▶ [Exercise goal]:
From the listing below, pick out each line with the word "IFCRELASSOCIATESMATERIAL".
===
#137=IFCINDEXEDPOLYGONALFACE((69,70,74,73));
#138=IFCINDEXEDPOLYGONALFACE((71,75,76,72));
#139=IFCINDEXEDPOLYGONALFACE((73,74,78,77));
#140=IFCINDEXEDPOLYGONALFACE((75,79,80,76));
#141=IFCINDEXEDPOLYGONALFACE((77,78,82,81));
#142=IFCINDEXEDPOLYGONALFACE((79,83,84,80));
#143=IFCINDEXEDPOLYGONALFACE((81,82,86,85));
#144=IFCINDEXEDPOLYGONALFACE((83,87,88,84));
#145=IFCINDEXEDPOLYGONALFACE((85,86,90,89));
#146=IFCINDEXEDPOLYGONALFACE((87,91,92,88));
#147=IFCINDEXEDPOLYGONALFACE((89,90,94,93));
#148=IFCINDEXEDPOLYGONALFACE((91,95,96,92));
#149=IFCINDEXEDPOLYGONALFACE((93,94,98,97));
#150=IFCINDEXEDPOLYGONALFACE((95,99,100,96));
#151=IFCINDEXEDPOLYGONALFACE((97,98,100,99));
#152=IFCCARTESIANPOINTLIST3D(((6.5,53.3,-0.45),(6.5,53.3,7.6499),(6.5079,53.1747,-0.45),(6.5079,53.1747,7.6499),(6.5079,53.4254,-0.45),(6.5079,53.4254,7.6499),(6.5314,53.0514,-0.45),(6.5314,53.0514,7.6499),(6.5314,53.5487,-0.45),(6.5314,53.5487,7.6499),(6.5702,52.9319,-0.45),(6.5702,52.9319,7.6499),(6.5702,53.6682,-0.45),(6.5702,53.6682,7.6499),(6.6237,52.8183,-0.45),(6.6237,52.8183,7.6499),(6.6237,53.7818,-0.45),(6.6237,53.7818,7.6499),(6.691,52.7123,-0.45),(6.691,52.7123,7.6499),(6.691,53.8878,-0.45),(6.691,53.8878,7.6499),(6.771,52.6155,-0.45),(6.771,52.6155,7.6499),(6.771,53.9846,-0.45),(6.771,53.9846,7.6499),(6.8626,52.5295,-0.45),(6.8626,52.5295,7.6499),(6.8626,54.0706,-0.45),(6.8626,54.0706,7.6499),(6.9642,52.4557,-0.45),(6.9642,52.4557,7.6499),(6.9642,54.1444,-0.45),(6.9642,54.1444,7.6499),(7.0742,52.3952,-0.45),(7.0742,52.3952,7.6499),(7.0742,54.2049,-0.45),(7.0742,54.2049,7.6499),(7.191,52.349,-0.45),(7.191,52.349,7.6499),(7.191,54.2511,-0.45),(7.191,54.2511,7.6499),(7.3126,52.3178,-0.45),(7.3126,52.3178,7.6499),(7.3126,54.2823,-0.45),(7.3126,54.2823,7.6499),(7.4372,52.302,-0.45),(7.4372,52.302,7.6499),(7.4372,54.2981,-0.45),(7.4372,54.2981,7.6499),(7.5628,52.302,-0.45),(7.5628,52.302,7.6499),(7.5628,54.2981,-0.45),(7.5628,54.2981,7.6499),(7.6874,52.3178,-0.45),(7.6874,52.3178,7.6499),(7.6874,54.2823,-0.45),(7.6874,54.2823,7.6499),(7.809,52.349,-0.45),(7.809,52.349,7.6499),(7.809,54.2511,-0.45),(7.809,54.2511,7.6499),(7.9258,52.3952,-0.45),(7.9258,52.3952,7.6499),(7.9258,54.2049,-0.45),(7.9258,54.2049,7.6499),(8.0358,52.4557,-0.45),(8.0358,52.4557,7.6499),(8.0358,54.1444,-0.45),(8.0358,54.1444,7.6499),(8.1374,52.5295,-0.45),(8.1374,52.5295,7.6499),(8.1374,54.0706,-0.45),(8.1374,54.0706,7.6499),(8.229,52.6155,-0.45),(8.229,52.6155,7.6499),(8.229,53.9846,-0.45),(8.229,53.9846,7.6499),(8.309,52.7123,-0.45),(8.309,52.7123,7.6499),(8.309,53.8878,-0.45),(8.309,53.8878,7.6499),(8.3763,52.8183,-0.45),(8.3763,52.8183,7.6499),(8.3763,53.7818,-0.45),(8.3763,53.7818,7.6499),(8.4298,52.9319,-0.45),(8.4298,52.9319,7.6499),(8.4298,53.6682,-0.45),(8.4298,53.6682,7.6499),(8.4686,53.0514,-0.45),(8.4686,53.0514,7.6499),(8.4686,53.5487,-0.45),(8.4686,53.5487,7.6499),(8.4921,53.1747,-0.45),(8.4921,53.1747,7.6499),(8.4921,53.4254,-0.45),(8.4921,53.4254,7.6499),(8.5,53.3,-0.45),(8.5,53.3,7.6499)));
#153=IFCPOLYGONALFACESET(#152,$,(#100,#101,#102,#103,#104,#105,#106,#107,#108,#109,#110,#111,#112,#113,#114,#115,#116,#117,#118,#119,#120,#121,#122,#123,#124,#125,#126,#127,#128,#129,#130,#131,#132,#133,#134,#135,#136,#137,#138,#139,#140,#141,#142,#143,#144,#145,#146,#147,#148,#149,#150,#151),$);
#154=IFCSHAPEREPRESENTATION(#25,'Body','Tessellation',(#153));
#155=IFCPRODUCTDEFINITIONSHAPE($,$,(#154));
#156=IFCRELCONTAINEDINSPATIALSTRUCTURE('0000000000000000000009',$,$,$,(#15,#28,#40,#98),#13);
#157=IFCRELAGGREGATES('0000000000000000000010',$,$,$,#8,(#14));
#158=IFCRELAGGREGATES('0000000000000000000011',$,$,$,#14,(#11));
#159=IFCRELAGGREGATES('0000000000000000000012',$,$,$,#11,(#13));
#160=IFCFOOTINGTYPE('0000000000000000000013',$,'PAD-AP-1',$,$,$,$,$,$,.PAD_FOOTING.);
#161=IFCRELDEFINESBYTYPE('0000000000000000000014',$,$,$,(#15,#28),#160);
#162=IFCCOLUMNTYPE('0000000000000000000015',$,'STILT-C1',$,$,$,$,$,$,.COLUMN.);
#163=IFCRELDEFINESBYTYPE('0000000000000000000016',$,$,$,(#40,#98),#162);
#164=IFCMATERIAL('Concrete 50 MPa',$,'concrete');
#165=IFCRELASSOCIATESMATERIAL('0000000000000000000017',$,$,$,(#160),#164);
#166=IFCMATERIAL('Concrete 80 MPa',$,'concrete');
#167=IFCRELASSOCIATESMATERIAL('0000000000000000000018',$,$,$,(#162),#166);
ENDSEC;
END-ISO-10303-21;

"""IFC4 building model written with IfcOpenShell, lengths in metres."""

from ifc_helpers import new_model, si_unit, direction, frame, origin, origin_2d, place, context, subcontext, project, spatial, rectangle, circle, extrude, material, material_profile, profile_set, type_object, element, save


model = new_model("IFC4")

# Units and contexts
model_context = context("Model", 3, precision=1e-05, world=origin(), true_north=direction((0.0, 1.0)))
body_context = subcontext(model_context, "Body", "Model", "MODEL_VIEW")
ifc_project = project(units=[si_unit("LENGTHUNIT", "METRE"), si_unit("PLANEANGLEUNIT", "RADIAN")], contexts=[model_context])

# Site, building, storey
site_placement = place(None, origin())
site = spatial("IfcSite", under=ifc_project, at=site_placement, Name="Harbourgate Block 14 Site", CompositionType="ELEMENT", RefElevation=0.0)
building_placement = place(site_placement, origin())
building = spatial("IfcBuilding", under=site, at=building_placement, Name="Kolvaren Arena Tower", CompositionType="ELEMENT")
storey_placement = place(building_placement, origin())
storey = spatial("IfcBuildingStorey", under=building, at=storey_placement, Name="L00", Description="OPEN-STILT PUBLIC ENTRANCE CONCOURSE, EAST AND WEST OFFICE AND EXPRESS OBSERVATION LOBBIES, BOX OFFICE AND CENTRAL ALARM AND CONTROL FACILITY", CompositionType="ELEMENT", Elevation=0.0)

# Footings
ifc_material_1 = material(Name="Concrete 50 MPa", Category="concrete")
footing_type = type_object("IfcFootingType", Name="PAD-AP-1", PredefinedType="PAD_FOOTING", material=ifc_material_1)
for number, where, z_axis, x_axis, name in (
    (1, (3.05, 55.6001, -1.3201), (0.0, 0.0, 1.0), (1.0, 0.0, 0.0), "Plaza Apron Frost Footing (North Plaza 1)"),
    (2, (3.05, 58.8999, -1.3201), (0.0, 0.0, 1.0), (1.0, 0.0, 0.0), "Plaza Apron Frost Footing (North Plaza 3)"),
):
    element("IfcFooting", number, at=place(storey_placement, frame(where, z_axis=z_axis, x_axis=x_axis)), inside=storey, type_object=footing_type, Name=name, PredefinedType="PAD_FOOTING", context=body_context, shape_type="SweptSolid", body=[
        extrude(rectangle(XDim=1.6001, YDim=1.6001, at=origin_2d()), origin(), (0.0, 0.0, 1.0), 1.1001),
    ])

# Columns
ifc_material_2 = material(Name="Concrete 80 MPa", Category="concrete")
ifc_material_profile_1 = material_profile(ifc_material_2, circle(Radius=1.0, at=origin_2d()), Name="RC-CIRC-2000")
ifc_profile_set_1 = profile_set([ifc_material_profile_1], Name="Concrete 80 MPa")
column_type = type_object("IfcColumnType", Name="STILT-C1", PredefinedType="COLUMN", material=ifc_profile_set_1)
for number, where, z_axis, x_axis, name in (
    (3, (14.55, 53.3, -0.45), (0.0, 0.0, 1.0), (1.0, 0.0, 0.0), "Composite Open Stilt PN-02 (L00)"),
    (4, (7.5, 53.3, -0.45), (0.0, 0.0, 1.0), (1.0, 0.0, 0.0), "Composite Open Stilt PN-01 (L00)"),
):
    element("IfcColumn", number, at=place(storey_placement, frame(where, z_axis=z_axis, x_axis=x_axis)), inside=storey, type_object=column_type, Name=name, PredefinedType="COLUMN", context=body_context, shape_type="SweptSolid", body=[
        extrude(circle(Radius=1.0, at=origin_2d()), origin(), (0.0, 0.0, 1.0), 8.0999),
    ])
===
▶ [Solution to the exercise]:
#165=IFCRELASSOCIATESMATERIAL('0000000000000000000017',$,$,$,(#160),#164);
#167=IFCRELASSOCIATESMATERIAL('0000000000000000000018',$,$,$,(#162),#166);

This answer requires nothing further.